Saved entries
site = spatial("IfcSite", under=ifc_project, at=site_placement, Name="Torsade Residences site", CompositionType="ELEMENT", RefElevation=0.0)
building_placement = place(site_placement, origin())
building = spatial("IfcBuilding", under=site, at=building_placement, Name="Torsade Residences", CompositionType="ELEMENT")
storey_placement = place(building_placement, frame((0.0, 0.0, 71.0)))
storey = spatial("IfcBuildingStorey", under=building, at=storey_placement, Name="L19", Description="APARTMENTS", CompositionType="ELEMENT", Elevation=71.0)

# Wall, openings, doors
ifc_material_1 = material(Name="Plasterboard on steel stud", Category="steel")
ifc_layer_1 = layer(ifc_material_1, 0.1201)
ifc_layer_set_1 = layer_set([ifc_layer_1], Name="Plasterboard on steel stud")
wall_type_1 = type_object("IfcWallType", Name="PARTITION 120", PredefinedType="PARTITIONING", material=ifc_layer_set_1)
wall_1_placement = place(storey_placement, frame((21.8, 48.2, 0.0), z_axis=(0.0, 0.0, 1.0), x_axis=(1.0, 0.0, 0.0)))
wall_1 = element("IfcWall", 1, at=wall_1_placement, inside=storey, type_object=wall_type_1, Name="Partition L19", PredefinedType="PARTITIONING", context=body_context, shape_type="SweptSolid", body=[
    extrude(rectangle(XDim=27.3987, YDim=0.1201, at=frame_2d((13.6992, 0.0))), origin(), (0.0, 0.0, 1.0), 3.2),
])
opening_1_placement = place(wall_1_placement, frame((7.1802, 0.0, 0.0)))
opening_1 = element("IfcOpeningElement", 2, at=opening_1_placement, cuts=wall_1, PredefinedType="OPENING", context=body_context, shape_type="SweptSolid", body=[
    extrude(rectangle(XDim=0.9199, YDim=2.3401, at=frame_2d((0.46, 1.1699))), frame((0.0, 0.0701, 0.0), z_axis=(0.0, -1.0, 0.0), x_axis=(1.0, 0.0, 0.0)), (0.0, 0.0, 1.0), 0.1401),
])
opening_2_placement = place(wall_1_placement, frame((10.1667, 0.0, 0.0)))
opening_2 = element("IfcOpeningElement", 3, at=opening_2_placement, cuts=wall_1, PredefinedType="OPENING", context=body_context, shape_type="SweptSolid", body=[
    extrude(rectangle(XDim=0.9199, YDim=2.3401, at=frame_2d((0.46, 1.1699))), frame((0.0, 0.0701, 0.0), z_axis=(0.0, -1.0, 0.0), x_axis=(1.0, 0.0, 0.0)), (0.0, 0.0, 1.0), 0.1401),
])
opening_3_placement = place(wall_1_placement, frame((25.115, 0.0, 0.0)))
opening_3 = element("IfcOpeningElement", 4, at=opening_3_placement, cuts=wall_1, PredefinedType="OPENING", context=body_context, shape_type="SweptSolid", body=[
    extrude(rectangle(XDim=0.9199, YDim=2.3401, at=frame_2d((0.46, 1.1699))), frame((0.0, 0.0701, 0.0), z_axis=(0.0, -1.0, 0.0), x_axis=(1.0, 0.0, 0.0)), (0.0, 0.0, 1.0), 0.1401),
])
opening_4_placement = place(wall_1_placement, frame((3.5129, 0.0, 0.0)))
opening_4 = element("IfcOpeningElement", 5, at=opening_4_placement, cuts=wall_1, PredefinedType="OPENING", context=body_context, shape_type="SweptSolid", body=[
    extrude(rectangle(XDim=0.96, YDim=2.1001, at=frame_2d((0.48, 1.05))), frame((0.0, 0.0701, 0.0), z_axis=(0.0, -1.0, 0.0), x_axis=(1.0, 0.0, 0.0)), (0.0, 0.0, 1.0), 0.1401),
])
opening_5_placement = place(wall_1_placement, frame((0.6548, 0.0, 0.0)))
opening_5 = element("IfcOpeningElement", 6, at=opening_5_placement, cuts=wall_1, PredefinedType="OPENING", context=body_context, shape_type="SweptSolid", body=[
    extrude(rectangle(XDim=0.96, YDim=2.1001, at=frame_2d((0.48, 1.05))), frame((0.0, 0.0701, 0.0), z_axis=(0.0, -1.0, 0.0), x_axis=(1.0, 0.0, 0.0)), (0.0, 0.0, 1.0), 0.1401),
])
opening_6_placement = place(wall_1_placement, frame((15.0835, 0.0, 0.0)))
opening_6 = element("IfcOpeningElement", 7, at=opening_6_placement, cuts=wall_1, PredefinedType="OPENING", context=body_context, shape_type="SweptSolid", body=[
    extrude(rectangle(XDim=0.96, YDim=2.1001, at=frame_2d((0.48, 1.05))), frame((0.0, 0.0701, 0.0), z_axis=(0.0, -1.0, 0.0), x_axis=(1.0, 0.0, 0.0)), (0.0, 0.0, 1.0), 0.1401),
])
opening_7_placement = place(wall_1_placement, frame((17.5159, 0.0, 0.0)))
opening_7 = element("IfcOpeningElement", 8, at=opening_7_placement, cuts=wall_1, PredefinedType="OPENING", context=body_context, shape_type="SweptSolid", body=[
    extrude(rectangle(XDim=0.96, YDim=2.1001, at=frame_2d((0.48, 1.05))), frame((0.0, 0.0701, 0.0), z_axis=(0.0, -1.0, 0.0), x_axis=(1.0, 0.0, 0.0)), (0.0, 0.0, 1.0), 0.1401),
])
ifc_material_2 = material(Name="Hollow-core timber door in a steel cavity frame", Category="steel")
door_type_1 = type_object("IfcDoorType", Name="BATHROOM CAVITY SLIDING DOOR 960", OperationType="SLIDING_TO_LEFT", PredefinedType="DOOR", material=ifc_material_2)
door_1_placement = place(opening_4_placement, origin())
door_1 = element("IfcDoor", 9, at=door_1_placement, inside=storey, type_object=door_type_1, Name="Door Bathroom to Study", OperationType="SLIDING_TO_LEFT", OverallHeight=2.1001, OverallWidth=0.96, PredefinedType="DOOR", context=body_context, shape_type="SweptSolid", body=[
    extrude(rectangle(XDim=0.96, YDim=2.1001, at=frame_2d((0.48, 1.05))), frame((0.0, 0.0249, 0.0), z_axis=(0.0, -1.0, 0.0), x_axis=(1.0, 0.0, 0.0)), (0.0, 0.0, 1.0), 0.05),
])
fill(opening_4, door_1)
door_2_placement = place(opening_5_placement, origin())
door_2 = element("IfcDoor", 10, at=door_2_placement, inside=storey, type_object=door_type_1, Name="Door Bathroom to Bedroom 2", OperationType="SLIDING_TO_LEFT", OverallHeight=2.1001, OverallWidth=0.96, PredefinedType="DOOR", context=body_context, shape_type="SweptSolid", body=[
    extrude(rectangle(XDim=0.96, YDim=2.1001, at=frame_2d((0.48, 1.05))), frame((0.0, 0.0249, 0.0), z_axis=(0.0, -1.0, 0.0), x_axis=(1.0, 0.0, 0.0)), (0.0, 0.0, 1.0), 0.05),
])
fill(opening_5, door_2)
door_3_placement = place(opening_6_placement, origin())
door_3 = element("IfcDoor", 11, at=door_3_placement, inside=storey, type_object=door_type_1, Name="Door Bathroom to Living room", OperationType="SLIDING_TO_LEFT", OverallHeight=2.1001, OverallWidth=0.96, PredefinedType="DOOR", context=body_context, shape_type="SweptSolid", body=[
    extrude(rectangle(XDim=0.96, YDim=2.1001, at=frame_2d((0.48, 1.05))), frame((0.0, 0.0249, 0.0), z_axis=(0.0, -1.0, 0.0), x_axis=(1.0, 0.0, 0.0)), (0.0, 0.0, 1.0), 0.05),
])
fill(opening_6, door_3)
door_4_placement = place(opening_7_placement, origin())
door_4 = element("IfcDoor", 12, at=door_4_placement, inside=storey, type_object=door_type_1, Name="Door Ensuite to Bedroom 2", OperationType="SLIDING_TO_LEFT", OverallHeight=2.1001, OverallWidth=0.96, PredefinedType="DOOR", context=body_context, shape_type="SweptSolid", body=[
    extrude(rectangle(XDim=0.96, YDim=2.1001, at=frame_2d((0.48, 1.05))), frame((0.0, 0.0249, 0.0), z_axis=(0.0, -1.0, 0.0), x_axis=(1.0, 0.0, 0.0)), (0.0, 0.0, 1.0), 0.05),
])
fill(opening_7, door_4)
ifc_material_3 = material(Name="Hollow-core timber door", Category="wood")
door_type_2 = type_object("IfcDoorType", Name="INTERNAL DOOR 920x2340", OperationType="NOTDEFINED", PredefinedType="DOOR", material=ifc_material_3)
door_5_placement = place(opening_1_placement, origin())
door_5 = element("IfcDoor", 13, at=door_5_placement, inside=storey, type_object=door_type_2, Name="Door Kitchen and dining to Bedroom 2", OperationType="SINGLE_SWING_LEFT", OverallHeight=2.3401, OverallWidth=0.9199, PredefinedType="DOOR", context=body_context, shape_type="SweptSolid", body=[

## [WHAT TO DO]
In the lines above, find each one with "inside" and list it.

## [ANSWER]
wall_1 = element("IfcWall", 1, at=wall_1_placement, inside=storey, type_object=wall_type_1, Name="Partition L19", PredefinedType="PARTITIONING", context=body_context, shape_type="SweptSolid", body=[
door_1 = element("IfcDoor", 9, at=door_1_placement, inside=storey, type_object=door_type_1, Name="Door Bathroom to Study", OperationType="SLIDING_TO_LEFT", OverallHeight=2.1001, OverallWidth=0.96, PredefinedType="DOOR", context=body_context, shape_type="SweptSolid", body=[
door_2 = element("IfcDoor", 10, at=door_2_placement, inside=storey, type_object=door_type_1, Name="Door Bathroom to Bedroom 2", OperationType="SLIDING_TO_LEFT", OverallHeight=2.1001, OverallWidth=0.96, PredefinedType="DOOR", context=body_context, shape_type="SweptSolid", body=[
door_3 = element("IfcDoor", 11, at=door_3_placement, inside=storey, type_object=door_type_1, Name="Door Bathroom to Living room", OperationType="SLIDING_TO_LEFT", OverallHeight=2.1001, OverallWidth=0.96, PredefinedType="DOOR", context=body_context, shape_type="SweptSolid", body=[
door_4 = element("IfcDoor", 12, at=door_4_placement, inside=storey, type_object=door_type_1, Name="Door Ensuite to Bedroom 2", OperationType="SLIDING_TO_LEFT", OverallHeight=2.1001, OverallWidth=0.96, PredefinedType="DOOR", context=body_context, shape_type="SweptSolid", body=[
door_5 = element("IfcDoor", 13, at=door_5_placement, inside=storey, type_object=door_type_2, Name="Door Kitchen and dining to Bedroom 2", OperationType="SINGLE_SWING_LEFT", OverallHeight=2.3401, OverallWidth=0.9199, PredefinedType="DOOR", context=body_context, shape_type="SweptSolid", body=[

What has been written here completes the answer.